:: Information supplied

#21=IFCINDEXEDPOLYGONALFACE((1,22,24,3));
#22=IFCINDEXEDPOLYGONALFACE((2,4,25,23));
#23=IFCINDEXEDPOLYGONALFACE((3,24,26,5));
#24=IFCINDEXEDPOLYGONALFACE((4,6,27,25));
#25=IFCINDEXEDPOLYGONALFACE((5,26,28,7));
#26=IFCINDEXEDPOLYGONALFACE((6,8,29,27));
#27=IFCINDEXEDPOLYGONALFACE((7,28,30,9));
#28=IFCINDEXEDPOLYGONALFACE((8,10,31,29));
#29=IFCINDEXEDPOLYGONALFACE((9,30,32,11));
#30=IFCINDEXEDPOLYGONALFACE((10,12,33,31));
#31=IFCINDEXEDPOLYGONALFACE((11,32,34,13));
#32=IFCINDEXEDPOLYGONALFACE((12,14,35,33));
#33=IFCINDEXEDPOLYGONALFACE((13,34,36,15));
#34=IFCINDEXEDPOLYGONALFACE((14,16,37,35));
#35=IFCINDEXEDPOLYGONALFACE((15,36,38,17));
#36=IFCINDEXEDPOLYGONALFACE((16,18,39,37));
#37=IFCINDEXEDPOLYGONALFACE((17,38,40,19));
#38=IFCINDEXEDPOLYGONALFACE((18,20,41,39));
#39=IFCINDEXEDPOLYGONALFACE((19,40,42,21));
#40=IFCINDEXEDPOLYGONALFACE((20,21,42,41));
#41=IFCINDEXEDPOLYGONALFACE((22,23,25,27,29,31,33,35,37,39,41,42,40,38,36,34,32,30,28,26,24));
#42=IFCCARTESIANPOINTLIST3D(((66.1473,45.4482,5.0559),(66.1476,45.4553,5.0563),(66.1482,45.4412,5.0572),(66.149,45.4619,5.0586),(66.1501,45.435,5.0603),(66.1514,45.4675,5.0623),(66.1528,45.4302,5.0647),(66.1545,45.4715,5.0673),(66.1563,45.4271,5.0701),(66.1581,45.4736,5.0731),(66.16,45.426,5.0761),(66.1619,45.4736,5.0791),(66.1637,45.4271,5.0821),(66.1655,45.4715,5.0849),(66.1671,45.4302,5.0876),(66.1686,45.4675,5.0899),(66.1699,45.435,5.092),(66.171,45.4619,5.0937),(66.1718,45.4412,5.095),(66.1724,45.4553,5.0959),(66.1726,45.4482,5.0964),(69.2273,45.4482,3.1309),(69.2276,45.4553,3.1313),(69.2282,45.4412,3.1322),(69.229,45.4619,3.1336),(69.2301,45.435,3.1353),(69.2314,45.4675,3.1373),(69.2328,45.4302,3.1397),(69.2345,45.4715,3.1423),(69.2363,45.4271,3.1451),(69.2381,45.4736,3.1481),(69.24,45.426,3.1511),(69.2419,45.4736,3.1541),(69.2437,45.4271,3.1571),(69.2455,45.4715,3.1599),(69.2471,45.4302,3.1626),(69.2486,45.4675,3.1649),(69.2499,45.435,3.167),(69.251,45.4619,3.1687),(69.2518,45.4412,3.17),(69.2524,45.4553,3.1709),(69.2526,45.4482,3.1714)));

::::

:: Work to be completed ::
Every line above from the line with "#26=IFCINDEXEDPOLYGONALFACE((6,8,29,27));" to the line with "#37=IFCINDEXEDPOLYGONALFACE((17,38,40,19));", both included, must be reproduced exactly, and no other line may appear.

:: Task result ::
#26=IFCINDEXEDPOLYGONALFACE((6,8,29,27));
#27=IFCINDEXEDPOLYGONALFACE((7,28,30,9));
#28=IFCINDEXEDPOLYGONALFACE((8,10,31,29));
#29=IFCINDEXEDPOLYGONALFACE((9,30,32,11));
#30=IFCINDEXEDPOLYGONALFACE((10,12,33,31));
#31=IFCINDEXEDPOLYGONALFACE((11,32,34,13));
#32=IFCINDEXEDPOLYGONALFACE((12,14,35,33));
#33=IFCINDEXEDPOLYGONALFACE((13,34,36,15));
#34=IFCINDEXEDPOLYGONALFACE((14,16,37,35));
#35=IFCINDEXEDPOLYGONALFACE((15,36,38,17));
#36=IFCINDEXEDPOLYGONALFACE((16,18,39,37));
#37=IFCINDEXEDPOLYGONALFACE((17,38,40,19));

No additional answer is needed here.